> [WHAT NEEDS TO BE DONE] Among the lines below, restate word for word only those from the line with "#156=IFCSHAPEREPRESENTATION(#27,'Body','Tessellation',(#155));" through the line with "#161=IFCRELAGGREGATES('0000000000000000000018',$,$,$,#11,(#15));", with both end lines kept.

> [PROVIDED DATA]
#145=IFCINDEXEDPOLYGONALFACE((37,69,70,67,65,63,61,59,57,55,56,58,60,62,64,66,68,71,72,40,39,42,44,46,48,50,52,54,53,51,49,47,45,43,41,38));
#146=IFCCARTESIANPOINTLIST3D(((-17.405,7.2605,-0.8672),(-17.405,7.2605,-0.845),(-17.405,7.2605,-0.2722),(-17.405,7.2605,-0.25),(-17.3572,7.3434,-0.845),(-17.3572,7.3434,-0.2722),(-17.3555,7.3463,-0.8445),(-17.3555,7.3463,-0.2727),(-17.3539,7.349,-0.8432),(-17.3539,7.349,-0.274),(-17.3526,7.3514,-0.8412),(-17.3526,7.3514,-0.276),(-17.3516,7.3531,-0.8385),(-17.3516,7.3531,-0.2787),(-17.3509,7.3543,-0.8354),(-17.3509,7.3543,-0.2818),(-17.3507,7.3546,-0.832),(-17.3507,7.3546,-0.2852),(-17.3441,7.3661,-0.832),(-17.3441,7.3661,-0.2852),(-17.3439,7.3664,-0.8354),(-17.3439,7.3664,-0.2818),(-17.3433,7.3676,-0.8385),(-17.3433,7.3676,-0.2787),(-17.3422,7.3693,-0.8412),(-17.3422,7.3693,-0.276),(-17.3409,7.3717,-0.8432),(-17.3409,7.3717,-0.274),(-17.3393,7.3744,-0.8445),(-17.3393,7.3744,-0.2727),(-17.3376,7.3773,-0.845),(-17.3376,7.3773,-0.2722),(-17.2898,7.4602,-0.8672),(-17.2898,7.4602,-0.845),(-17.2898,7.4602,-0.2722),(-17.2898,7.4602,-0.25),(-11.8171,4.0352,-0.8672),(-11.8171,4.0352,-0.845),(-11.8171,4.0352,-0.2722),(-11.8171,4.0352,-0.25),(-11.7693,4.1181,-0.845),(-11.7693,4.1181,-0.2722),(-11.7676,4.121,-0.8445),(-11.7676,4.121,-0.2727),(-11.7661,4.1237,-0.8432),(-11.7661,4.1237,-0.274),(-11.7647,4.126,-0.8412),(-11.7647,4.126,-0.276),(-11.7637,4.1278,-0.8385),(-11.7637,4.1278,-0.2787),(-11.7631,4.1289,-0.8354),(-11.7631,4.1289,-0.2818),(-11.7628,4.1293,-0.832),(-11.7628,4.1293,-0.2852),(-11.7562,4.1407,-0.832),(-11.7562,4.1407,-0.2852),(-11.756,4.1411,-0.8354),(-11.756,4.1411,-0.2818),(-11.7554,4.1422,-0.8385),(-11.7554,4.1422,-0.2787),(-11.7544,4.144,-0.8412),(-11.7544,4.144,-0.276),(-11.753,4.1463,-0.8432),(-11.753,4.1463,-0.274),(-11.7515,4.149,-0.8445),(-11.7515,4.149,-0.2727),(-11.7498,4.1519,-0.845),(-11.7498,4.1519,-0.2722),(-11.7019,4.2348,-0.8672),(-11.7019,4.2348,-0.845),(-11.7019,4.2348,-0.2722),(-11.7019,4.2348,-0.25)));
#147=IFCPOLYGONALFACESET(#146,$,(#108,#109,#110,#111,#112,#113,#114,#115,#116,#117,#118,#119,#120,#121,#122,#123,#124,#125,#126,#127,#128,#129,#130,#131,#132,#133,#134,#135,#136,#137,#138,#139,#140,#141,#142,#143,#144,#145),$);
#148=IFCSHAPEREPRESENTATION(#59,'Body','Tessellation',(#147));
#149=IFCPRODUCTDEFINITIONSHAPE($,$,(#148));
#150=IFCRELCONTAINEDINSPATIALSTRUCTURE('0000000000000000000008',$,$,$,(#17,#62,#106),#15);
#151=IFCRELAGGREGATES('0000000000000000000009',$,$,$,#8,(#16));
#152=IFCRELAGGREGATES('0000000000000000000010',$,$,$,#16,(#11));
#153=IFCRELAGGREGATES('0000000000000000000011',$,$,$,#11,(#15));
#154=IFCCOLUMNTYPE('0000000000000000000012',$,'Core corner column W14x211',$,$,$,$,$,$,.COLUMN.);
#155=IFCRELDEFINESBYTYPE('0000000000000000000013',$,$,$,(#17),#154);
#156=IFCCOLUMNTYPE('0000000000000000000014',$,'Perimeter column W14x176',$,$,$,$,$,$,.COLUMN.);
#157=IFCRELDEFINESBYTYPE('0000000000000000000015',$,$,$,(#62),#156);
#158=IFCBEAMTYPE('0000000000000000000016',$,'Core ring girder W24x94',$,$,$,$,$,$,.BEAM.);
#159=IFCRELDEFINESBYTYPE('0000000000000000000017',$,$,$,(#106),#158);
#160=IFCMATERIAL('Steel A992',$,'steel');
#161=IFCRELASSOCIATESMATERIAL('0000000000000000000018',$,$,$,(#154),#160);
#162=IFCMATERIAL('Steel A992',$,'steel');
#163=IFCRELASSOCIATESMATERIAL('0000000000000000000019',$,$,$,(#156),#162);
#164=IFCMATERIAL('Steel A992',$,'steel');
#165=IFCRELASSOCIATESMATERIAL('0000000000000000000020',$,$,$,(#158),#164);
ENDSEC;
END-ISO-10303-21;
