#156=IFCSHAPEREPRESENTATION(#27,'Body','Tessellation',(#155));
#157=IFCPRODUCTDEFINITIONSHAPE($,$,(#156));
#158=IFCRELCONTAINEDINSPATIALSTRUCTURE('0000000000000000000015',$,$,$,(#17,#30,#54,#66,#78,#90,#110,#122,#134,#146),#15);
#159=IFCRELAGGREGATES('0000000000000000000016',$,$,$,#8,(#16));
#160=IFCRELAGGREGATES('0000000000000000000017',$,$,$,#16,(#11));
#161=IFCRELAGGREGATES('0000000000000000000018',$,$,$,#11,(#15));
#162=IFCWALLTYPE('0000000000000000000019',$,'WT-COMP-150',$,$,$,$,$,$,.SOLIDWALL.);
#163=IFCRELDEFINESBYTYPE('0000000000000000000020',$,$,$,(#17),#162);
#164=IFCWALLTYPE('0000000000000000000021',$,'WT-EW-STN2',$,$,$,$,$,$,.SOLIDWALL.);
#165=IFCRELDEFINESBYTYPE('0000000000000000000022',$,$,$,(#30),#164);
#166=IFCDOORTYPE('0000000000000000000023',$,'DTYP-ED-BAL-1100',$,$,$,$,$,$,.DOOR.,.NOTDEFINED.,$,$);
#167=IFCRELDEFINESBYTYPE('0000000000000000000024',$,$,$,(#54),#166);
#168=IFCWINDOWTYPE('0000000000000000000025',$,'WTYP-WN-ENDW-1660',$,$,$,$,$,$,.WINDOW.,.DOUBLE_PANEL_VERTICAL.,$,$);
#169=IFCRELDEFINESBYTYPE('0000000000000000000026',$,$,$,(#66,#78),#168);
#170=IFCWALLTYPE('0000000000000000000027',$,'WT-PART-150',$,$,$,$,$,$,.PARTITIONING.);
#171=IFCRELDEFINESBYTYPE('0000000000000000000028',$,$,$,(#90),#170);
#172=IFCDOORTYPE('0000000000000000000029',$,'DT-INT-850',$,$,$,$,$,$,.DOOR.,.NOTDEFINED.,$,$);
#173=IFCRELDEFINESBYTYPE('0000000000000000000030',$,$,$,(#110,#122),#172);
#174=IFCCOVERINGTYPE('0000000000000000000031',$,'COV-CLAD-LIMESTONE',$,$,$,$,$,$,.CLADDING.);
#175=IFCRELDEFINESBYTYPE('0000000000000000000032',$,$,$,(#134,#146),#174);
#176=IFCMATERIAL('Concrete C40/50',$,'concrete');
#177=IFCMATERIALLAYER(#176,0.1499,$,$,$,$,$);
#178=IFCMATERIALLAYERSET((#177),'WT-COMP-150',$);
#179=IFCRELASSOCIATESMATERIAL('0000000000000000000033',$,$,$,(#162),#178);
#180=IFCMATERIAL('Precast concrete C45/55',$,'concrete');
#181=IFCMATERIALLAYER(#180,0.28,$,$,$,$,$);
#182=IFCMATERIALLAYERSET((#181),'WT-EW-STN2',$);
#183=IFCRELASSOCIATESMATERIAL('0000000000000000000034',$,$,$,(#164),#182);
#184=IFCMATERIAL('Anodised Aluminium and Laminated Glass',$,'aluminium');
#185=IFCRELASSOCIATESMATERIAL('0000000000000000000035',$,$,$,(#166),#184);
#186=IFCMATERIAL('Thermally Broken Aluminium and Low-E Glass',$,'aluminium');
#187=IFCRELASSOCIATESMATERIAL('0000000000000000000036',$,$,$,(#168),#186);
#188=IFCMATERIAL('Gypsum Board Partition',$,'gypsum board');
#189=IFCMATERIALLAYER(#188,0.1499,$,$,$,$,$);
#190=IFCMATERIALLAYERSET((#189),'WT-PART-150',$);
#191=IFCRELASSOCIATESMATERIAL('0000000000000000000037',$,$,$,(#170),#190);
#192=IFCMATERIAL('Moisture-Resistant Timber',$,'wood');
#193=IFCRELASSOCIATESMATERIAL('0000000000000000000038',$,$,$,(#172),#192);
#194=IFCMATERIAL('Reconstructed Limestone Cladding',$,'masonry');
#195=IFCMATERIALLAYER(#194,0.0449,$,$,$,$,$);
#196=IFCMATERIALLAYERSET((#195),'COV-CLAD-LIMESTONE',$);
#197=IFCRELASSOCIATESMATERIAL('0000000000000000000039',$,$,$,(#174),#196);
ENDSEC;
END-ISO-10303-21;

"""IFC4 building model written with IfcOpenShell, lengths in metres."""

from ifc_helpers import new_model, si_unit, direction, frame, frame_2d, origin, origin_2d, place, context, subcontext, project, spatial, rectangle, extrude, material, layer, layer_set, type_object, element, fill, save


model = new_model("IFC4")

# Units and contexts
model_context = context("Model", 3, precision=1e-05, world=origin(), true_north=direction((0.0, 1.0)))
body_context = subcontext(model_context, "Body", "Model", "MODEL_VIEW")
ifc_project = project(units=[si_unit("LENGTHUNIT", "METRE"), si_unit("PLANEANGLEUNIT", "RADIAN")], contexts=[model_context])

> [THE ANSWER]
#156=IFCSHAPEREPRESENTATION(#27,'Body','Tessellation',(#155));
#157=IFCPRODUCTDEFINITIONSHAPE($,$,(#156));
#158=IFCRELCONTAINEDINSPATIALSTRUCTURE('0000000000000000000015',$,$,$,(#17,#30,#54,#66,#78,#90,#110,#122,#134,#146),#15);
#159=IFCRELAGGREGATES('0000000000000000000016',$,$,$,#8,(#16));
#160=IFCRELAGGREGATES('0000000000000000000017',$,$,$,#16,(#11));
#161=IFCRELAGGREGATES('0000000000000000000018',$,$,$,#11,(#15));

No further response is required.